BEGIN MATERIAL PROVIDED

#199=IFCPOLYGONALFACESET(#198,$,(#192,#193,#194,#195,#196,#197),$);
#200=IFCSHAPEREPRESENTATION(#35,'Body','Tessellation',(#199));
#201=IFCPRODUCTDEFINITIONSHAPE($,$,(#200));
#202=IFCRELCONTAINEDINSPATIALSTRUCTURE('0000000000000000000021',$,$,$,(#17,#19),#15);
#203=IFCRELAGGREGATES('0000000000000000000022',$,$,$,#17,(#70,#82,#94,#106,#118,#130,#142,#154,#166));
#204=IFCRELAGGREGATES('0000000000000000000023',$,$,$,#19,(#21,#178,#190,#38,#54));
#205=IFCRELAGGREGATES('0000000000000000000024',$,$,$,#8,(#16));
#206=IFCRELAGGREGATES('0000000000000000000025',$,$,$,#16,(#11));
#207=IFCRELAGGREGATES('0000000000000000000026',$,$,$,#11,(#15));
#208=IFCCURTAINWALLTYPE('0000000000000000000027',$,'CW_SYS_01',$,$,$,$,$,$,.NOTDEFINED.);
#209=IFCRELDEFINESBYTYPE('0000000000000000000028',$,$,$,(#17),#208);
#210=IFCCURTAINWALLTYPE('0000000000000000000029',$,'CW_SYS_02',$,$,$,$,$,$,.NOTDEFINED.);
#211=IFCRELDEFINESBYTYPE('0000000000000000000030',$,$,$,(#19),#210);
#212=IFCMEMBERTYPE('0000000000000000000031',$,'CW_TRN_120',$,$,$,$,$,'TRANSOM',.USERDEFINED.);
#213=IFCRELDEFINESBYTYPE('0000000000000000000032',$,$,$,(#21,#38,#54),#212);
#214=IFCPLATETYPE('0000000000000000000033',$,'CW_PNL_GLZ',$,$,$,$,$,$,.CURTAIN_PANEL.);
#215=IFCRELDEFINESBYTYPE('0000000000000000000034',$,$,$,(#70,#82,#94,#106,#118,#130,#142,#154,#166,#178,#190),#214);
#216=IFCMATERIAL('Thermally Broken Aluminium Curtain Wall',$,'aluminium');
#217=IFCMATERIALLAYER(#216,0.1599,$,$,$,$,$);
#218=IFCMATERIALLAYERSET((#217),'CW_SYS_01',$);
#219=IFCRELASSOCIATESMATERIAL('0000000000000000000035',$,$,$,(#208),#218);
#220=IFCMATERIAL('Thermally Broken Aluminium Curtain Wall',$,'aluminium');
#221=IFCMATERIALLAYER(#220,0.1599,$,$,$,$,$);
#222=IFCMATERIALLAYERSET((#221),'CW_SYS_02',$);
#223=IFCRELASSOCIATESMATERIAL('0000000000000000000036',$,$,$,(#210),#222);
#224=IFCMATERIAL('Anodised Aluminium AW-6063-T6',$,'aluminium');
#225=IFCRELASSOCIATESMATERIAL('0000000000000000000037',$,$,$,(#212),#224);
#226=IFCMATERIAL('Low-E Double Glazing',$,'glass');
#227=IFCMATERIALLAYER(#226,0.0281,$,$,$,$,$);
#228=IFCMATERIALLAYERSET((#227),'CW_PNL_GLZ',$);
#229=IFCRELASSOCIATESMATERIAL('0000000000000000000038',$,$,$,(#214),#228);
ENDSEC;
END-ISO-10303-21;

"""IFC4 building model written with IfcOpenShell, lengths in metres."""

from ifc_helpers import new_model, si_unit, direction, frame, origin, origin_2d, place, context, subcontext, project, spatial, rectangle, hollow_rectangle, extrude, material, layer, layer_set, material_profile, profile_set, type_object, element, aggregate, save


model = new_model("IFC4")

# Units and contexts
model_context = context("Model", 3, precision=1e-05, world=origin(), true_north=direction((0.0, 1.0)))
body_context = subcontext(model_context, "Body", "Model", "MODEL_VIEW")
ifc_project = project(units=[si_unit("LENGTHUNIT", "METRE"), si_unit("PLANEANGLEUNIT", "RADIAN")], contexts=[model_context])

END MATERIAL PROVIDED

- TRY IT
Copy out the records above exactly and completely.

- FINISHED TASK
#199=IFCPOLYGONALFACESET(#198,$,(#192,#193,#194,#195,#196,#197),$);
#200=IFCSHAPEREPRESENTATION(#35,'Body','Tessellation',(#199));
#201=IFCPRODUCTDEFINITIONSHAPE($,$,(#200));
#202=IFCRELCONTAINEDINSPATIALSTRUCTURE('0000000000000000000021',$,$,$,(#17,#19),#15);
#203=IFCRELAGGREGATES('0000000000000000000022',$,$,$,#17,(#70,#82,#94,#106,#118,#130,#142,#154,#166));
#204=IFCRELAGGREGATES('0000000000000000000023',$,$,$,#19,(#21,#178,#190,#38,#54));
#205=IFCRELAGGREGATES('0000000000000000000024',$,$,$,#8,(#16));
#206=IFCRELAGGREGATES('0000000000000000000025',$,$,$,#16,(#11));
#207=IFCRELAGGREGATES('0000000000000000000026',$,$,$,#11,(#15));
#208=IFCCURTAINWALLTYPE('0000000000000000000027',$,'CW_SYS_01',$,$,$,$,$,$,.NOTDEFINED.);
#209=IFCRELDEFINESBYTYPE('0000000000000000000028',$,$,$,(#17),#208);
#210=IFCCURTAINWALLTYPE('0000000000000000000029',$,'CW_SYS_02',$,$,$,$,$,$,.NOTDEFINED.);
#211=IFCRELDEFINESBYTYPE('0000000000000000000030',$,$,$,(#19),#210);
#212=IFCMEMBERTYPE('0000000000000000000031',$,'CW_TRN_120',$,$,$,$,$,'TRANSOM',.USERDEFINED.);
#213=IFCRELDEFINESBYTYPE('0000000000000000000032',$,$,$,(#21,#38,#54),#212);
#214=IFCPLATETYPE('0000000000000000000033',$,'CW_PNL_GLZ',$,$,$,$,$,$,.CURTAIN_PANEL.);
#215=IFCRELDEFINESBYTYPE('0000000000000000000034',$,$,$,(#70,#82,#94,#106,#118,#130,#142,#154,#166,#178,#190),#214);
#216=IFCMATERIAL('Thermally Broken Aluminium Curtain Wall',$,'aluminium');
#217=IFCMATERIALLAYER(#216,0.1599,$,$,$,$,$);
#218=IFCMATERIALLAYERSET((#217),'CW_SYS_01',$);
#219=IFCRELASSOCIATESMATERIAL('0000000000000000000035',$,$,$,(#208),#218);
#220=IFCMATERIAL('Thermally Broken Aluminium Curtain Wall',$,'aluminium');
#221=IFCMATERIALLAYER(#220,0.1599,$,$,$,$,$);
#222=IFCMATERIALLAYERSET((#221),'CW_SYS_02',$);
#223=IFCRELASSOCIATESMATERIAL('0000000000000000000036',$,$,$,(#210),#222);
#224=IFCMATERIAL('Anodised Aluminium AW-6063-T6',$,'aluminium');
#225=IFCRELASSOCIATESMATERIAL('0000000000000000000037',$,$,$,(#212),#224);
#226=IFCMATERIAL('Low-E Double Glazing',$,'glass');
#227=IFCMATERIALLAYER(#226,0.0281,$,$,$,$,$);
#228=IFCMATERIALLAYERSET((#227),'CW_PNL_GLZ',$);
#229=IFCRELASSOCIATESMATERIAL('0000000000000000000038',$,$,$,(#214),#228);
ENDSEC;
END-ISO-10303-21;

"""IFC4 building model written with IfcOpenShell, lengths in metres."""

from ifc_helpers import new_model, si_unit, direction, frame, origin, origin_2d, place, context, subcontext, project, spatial, rectangle, hollow_rectangle, extrude, material, layer, layer_set, material_profile, profile_set, type_object, element, aggregate, save


model = new_model("IFC4")

# Units and contexts
model_context = context("Model", 3, precision=1e-05, world=origin(), true_north=direction((0.0, 1.0)))
body_context = subcontext(model_context, "Body", "Model", "MODEL_VIEW")
ifc_project = project(units=[si_unit("LENGTHUNIT", "METRE"), si_unit("PLANEANGLEUNIT", "RADIAN")], contexts=[model_context])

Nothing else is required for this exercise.